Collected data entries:
▽

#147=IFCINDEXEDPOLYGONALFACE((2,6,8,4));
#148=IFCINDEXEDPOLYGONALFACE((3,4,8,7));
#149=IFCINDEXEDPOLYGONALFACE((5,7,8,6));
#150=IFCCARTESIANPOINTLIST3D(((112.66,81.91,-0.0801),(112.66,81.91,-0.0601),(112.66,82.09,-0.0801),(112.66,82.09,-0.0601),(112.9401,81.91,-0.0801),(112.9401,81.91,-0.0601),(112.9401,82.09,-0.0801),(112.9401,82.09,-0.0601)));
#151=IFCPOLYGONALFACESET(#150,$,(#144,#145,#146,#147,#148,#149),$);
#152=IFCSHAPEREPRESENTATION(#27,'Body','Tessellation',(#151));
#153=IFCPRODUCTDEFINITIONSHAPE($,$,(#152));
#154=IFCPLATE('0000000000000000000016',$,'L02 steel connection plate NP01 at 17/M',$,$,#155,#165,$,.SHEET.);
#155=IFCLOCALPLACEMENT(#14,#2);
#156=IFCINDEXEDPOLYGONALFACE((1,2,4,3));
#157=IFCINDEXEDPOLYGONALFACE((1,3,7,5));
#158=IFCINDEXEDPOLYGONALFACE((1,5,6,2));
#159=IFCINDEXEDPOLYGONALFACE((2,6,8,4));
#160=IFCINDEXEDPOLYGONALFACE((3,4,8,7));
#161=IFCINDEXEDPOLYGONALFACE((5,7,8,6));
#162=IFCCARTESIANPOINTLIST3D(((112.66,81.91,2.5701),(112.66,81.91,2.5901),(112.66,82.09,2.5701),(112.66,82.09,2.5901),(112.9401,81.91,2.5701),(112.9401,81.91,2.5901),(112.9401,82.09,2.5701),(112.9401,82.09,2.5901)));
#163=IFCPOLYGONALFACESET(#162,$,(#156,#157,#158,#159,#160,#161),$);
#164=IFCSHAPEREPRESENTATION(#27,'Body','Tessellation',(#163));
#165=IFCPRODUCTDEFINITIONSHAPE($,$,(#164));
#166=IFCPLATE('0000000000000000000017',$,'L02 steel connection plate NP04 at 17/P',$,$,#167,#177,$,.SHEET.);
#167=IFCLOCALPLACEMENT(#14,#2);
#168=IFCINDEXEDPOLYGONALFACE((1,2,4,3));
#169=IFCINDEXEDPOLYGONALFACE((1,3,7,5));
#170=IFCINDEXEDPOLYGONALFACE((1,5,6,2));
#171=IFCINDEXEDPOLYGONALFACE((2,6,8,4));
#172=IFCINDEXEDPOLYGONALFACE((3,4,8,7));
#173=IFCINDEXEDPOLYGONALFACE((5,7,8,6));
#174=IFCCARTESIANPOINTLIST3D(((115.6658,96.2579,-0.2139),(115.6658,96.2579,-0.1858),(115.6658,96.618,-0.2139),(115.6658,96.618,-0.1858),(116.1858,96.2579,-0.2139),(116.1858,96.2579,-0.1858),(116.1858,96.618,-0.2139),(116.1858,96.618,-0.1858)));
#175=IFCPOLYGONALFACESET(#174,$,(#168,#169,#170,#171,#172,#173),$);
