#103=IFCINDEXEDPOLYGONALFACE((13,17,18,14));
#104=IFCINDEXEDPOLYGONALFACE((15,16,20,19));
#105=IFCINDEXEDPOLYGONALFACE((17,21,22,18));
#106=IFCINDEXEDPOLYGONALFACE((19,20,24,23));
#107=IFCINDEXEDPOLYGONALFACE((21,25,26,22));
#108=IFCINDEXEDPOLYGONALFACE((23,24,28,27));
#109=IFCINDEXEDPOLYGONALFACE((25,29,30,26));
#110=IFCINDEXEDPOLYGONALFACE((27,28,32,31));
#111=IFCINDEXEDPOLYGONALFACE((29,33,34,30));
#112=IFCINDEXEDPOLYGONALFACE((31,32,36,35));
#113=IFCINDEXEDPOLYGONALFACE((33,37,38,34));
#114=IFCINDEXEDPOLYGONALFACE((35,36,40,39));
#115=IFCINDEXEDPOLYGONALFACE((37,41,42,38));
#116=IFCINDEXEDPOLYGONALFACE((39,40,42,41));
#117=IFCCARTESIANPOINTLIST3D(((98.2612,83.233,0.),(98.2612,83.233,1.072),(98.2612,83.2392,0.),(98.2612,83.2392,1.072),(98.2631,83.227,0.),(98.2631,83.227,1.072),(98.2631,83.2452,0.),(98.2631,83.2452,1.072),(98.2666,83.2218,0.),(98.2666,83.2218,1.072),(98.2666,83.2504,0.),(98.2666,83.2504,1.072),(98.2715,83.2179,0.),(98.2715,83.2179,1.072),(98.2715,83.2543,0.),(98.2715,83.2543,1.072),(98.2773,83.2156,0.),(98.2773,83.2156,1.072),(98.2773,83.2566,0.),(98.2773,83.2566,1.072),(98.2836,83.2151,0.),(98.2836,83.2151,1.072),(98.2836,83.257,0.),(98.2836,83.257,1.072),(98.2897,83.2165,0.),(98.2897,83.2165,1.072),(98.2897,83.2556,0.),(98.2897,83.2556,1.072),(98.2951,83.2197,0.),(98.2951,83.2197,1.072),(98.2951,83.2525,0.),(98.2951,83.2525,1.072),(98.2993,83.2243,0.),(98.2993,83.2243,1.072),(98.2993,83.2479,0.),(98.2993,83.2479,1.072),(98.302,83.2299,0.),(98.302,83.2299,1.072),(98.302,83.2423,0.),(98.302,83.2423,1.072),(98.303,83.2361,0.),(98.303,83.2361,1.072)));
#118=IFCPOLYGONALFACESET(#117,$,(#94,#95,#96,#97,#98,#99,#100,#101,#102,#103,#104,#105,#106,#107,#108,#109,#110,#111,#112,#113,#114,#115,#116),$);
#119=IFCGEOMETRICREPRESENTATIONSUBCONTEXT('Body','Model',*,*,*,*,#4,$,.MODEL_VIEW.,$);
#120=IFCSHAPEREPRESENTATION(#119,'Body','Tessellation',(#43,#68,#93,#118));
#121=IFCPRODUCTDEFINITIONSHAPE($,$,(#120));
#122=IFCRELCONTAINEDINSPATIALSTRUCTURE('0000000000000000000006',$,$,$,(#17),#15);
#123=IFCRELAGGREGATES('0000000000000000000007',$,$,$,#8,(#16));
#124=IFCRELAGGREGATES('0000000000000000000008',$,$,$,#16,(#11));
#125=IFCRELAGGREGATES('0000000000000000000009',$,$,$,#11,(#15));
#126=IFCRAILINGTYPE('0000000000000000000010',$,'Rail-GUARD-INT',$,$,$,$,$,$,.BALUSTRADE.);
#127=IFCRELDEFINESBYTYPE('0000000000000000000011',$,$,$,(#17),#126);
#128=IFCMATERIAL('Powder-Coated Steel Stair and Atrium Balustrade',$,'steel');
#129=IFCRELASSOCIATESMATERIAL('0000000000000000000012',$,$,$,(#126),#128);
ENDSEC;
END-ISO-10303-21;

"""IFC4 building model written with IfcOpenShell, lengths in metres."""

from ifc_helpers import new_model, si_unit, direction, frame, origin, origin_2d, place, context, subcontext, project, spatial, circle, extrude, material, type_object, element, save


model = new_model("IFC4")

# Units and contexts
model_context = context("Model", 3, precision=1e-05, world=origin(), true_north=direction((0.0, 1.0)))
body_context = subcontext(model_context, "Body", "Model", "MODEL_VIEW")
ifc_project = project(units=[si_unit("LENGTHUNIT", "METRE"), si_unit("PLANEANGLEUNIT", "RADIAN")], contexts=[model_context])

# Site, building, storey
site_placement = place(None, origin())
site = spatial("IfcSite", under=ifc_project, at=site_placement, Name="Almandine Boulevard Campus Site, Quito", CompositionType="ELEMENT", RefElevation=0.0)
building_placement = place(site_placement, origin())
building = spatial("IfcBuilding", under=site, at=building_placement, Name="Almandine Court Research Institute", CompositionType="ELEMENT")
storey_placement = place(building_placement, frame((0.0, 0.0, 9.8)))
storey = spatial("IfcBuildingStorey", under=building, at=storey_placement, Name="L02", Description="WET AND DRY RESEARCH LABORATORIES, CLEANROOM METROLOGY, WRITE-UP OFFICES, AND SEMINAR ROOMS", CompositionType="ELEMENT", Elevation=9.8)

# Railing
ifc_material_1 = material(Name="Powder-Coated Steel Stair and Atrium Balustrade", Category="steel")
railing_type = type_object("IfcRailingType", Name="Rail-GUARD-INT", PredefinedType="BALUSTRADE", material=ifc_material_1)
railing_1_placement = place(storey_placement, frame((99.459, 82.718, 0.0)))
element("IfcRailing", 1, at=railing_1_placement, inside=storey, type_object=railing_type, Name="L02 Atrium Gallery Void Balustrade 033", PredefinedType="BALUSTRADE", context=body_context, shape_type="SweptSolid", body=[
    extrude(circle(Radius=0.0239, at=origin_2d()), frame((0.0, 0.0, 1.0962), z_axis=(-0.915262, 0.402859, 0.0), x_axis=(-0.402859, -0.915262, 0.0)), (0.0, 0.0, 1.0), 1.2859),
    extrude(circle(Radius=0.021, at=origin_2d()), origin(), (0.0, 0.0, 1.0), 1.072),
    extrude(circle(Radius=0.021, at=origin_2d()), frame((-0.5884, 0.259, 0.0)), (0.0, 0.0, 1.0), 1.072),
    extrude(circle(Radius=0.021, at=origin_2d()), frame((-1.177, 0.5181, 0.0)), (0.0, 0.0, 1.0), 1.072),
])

△

Only a verbatim transcription of the lines from the one containing "Atrium Gallery Void" through the last line of the records counts as the answer.

Result for this exercise:
element("IfcRailing", 1, at=railing_1_placement, inside=storey, type_object=railing_type, Name="L02 Atrium Gallery Void Balustrade 033", PredefinedType="BALUSTRADE", context=body_context, shape_type="SweptSolid", body=[
    extrude(circle(Radius=0.0239, at=origin_2d()), frame((0.0, 0.0, 1.0962), z_axis=(-0.915262, 0.402859, 0.0), x_axis=(-0.402859, -0.915262, 0.0)), (0.0, 0.0, 1.0), 1.2859),
    extrude(circle(Radius=0.021, at=origin_2d()), origin(), (0.0, 0.0, 1.0), 1.072),
    extrude(circle(Radius=0.021, at=origin_2d()), frame((-0.5884, 0.259, 0.0)), (0.0, 0.0, 1.0), 1.072),
    extrude(circle(Radius=0.021, at=origin_2d()), frame((-1.177, 0.5181, 0.0)), (0.0, 0.0, 1.0), 1.072),
])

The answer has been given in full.